_What to do_: Collect all lines below with the string "else".

++++ The input

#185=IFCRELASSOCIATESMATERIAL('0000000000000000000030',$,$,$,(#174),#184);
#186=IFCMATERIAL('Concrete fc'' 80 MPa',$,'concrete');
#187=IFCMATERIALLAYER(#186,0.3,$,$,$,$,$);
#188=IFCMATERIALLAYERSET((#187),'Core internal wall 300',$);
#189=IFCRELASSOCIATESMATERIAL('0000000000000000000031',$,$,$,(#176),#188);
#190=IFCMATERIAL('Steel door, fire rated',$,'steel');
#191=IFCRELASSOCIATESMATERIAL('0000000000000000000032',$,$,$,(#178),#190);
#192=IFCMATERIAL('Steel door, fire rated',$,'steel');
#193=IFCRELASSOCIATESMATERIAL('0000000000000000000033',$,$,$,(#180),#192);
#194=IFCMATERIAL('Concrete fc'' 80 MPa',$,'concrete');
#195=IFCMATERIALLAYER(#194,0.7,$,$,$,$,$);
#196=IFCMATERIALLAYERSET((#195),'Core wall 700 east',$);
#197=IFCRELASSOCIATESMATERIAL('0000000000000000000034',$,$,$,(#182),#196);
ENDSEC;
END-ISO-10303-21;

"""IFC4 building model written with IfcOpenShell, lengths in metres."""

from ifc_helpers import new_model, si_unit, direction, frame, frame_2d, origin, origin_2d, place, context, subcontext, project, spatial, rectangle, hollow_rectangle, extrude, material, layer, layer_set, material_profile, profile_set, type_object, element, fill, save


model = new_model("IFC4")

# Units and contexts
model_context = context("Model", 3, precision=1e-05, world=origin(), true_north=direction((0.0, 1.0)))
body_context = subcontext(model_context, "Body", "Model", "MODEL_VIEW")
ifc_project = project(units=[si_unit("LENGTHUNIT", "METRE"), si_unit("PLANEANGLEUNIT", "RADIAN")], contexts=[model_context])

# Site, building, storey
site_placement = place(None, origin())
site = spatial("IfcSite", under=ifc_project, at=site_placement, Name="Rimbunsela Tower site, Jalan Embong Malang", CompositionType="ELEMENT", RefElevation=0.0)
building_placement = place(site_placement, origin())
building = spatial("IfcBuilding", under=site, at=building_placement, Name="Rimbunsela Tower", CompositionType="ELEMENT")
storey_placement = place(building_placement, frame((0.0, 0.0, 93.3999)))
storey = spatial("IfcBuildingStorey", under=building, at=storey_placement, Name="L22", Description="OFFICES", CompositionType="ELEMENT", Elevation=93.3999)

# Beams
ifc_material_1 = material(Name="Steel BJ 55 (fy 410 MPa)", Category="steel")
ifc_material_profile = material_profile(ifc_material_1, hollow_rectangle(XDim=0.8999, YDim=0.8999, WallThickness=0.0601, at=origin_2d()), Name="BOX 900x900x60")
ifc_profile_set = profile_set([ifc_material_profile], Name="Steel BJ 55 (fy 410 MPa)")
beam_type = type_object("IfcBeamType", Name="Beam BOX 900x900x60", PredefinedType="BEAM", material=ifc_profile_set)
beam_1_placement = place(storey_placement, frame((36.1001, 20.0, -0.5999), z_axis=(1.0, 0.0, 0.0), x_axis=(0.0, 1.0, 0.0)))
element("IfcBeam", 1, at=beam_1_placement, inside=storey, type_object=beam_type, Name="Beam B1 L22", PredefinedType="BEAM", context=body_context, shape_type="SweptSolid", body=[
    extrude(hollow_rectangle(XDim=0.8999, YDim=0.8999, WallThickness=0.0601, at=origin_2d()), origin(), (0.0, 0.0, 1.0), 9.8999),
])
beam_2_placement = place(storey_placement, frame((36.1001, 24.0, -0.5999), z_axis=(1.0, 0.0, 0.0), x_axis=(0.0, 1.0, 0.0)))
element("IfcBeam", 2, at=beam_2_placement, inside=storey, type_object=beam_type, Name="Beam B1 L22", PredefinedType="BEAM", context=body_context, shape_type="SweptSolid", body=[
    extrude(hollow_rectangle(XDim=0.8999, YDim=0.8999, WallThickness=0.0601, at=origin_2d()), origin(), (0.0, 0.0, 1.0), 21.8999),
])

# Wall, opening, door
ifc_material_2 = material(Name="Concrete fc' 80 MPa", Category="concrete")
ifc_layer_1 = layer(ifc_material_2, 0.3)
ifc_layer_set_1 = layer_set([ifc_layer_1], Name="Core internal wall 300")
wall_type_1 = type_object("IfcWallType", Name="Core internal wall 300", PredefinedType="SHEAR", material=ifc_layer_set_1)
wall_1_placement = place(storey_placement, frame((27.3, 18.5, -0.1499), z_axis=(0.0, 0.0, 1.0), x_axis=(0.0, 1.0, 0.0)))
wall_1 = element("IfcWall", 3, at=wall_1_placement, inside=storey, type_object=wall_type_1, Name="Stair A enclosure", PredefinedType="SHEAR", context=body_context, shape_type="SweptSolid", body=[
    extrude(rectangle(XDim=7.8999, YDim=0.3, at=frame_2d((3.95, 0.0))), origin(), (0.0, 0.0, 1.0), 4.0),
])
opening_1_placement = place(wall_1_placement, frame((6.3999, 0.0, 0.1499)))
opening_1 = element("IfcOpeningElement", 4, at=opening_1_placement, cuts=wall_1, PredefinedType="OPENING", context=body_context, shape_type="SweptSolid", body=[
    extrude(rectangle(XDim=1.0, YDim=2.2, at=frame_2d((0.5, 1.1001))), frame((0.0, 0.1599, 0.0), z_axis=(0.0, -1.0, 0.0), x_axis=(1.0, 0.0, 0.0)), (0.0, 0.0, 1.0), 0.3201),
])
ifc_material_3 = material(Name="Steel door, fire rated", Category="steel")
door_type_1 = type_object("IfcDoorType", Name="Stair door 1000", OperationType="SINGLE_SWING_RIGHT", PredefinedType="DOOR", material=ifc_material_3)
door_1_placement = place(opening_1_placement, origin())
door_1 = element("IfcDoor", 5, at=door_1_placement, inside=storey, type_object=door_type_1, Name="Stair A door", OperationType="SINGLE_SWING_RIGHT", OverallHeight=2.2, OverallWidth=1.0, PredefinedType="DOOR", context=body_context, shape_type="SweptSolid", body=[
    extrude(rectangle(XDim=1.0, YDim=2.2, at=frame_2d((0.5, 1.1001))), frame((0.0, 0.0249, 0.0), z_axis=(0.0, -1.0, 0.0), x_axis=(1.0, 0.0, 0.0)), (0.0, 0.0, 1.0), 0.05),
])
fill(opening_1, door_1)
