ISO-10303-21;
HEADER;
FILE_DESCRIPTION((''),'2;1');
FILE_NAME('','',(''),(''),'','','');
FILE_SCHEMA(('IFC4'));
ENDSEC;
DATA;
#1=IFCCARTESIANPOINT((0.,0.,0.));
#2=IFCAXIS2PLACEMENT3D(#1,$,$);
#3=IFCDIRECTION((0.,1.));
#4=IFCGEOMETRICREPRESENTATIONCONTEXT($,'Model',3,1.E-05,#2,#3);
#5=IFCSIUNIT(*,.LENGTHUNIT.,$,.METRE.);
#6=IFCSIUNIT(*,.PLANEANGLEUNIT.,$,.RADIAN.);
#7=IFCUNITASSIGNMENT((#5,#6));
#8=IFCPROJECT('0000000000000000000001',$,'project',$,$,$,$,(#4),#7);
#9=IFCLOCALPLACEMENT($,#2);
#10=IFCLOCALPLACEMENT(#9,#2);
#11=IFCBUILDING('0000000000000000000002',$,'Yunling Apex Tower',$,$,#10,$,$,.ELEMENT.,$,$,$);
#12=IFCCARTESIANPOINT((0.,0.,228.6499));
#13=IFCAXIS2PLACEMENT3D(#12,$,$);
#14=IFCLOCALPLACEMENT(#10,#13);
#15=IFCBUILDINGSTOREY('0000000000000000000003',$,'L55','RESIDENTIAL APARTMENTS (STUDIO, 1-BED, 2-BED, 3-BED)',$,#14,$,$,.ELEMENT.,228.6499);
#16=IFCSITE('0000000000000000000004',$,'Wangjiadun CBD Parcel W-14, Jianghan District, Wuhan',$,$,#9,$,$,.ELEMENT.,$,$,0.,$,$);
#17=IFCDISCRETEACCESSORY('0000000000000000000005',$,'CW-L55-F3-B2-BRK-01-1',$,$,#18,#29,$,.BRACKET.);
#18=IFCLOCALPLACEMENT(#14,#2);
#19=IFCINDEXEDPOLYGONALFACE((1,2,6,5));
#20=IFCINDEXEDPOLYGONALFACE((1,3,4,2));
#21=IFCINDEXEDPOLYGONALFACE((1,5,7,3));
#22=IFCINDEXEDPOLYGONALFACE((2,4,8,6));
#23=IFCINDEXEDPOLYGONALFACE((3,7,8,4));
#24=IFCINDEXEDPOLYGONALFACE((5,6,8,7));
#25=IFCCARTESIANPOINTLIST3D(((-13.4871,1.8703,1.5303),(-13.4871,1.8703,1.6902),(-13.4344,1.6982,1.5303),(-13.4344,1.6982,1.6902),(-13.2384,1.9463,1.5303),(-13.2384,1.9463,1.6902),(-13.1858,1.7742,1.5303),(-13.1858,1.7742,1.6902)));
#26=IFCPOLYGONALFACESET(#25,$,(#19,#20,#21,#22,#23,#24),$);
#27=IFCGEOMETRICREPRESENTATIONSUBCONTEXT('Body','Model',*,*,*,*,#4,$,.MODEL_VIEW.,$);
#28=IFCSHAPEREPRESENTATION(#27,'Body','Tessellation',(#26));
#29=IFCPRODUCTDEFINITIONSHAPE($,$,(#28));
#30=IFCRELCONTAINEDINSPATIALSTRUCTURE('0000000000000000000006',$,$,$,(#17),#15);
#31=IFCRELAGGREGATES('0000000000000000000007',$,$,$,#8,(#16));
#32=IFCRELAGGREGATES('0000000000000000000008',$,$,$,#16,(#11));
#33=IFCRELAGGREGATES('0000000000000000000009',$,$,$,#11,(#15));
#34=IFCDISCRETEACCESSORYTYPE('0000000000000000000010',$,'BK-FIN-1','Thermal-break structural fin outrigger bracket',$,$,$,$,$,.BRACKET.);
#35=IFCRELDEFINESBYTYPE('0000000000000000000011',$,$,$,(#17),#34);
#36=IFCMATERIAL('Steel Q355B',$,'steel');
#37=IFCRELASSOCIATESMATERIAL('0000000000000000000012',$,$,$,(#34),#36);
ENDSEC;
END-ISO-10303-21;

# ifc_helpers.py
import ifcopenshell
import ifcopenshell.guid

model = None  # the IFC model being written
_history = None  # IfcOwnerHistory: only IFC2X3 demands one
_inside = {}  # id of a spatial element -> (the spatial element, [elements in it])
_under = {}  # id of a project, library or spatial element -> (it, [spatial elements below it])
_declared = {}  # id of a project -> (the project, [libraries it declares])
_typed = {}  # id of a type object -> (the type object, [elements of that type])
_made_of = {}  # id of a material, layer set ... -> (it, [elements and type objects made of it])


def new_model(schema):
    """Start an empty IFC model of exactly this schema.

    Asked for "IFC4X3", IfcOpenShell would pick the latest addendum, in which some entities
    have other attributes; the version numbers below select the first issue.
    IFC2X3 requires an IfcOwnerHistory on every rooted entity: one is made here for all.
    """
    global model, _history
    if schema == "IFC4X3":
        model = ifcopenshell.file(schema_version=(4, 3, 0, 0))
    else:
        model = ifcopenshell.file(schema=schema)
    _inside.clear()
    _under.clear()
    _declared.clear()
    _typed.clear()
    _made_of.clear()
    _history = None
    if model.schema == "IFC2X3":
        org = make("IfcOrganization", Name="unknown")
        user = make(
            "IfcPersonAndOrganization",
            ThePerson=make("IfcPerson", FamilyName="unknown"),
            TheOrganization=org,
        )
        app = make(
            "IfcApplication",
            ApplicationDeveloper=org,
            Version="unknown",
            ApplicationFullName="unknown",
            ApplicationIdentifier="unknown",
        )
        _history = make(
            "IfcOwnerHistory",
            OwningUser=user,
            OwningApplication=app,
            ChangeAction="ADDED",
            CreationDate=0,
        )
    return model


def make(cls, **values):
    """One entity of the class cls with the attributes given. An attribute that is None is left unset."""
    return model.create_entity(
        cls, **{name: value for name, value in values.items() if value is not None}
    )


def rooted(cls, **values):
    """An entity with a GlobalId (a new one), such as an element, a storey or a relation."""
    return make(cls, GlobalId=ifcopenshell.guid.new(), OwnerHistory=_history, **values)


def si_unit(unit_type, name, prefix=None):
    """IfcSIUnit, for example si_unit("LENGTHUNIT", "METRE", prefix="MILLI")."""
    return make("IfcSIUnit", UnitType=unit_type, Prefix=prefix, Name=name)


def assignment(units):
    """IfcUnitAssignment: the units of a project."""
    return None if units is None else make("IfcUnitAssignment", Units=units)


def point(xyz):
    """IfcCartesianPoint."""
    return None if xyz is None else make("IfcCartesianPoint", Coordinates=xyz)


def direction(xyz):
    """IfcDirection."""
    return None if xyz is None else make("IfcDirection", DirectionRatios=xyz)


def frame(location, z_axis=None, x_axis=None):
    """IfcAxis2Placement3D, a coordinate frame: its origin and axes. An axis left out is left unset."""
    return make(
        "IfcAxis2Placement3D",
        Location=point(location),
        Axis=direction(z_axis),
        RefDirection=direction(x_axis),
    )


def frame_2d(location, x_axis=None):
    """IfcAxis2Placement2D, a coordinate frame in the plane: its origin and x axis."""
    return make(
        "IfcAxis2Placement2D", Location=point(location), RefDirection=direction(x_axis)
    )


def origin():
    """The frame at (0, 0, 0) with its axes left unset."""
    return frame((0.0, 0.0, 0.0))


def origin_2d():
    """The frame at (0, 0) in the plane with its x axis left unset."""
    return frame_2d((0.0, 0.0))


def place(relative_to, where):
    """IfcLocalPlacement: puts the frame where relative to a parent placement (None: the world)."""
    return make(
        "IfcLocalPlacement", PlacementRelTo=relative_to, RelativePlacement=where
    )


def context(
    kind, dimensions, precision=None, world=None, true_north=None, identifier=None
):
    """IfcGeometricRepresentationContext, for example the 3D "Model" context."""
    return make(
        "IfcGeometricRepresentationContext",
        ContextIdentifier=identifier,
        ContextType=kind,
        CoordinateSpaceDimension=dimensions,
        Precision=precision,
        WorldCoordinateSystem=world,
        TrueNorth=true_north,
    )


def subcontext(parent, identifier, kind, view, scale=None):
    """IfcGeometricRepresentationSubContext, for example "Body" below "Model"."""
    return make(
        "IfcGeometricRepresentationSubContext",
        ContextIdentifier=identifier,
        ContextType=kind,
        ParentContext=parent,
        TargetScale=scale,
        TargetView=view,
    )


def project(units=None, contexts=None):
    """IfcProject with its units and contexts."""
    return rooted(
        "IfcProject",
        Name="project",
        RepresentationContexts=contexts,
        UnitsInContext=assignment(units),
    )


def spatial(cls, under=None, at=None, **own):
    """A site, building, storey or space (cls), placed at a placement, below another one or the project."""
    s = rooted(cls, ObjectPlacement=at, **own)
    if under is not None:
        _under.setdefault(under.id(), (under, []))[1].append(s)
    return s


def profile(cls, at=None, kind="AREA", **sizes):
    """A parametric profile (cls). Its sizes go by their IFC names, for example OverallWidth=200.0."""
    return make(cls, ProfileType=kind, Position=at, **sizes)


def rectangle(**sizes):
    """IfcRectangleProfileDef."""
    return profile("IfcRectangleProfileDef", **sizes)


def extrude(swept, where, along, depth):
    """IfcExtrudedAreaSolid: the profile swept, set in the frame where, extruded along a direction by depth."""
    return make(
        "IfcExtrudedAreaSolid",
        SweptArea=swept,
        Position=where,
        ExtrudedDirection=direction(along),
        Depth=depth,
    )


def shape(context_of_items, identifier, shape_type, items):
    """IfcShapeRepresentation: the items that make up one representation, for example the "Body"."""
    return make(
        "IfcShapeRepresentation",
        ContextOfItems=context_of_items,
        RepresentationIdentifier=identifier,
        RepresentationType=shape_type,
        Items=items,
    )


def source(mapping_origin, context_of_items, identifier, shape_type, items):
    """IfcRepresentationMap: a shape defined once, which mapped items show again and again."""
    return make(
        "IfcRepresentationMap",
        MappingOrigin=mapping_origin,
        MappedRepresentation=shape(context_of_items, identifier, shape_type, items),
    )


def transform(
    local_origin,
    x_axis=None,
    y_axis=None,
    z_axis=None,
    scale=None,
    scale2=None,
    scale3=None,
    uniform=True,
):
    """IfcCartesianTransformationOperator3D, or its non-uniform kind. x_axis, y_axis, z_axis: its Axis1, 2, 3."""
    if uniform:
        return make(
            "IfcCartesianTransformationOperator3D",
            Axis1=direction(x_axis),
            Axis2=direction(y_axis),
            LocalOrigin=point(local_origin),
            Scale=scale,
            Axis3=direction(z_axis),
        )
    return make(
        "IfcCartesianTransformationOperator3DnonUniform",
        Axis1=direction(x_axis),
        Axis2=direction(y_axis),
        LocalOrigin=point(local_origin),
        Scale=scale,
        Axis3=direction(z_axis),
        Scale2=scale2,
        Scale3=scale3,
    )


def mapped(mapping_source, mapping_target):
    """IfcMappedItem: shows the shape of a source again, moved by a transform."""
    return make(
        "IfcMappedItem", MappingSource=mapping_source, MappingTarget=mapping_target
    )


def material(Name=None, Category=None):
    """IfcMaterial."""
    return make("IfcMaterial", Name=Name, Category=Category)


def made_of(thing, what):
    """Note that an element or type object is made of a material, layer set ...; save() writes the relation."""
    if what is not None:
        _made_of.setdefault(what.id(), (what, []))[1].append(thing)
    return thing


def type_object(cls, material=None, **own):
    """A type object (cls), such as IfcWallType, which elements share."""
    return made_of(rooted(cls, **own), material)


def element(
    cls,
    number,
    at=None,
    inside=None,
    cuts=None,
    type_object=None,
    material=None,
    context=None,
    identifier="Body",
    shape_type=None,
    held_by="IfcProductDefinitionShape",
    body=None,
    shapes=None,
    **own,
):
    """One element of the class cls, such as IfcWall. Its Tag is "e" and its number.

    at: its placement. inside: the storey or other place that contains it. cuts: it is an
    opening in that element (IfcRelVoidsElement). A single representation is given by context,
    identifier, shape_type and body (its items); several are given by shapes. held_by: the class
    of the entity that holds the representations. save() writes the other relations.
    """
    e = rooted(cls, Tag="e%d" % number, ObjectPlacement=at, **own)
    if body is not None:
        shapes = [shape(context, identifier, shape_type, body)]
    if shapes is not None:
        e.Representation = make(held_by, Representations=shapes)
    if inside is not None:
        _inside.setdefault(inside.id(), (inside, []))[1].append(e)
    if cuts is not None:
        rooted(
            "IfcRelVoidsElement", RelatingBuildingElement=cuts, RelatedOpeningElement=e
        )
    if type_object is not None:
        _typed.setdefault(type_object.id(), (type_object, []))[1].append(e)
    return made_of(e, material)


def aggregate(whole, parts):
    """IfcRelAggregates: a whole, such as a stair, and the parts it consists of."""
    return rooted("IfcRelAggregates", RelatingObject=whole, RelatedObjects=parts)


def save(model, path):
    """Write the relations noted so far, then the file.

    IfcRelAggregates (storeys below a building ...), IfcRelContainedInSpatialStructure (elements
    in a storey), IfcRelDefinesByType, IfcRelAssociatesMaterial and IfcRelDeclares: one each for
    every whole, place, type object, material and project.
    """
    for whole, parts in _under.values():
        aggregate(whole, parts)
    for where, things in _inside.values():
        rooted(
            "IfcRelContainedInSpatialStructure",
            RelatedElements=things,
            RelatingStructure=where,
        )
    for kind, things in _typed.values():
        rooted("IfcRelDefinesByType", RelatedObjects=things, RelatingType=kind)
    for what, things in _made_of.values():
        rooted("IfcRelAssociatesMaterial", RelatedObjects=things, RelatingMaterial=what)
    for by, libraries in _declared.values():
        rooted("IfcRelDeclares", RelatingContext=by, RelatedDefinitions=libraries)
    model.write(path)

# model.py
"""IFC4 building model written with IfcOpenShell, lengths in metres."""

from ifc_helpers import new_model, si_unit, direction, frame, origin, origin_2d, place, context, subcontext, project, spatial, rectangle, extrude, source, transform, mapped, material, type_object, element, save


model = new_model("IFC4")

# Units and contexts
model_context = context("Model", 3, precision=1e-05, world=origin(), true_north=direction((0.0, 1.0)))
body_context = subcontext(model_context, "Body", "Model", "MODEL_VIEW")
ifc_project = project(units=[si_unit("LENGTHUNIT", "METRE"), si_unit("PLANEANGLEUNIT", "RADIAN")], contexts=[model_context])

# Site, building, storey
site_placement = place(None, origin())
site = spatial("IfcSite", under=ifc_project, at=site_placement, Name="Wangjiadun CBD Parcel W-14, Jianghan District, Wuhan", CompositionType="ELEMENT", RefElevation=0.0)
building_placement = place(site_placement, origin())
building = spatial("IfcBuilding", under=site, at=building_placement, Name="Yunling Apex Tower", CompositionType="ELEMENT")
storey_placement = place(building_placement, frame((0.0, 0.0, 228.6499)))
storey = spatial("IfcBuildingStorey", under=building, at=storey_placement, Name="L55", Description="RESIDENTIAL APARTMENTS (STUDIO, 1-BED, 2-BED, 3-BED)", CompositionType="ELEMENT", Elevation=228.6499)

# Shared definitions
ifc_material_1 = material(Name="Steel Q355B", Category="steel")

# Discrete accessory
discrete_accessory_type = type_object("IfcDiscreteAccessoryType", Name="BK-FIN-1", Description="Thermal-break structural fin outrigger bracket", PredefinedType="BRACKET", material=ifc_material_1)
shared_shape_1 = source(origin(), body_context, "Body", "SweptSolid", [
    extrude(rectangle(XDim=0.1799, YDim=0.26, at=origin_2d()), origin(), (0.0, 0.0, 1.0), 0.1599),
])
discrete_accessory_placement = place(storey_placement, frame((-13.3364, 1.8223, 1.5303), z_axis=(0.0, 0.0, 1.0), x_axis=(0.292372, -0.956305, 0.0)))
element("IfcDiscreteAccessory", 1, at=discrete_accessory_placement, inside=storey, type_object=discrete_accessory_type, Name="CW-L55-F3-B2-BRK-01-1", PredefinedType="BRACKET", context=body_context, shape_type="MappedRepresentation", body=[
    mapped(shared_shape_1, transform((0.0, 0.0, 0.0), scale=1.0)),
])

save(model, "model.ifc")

++++++++

_Response to this task_:
    else:
    return None if units is None else make("IfcUnitAssignment", Units=units)
    return None if xyz is None else make("IfcCartesianPoint", Coordinates=xyz)
    return None if xyz is None else make("IfcDirection", DirectionRatios=xyz)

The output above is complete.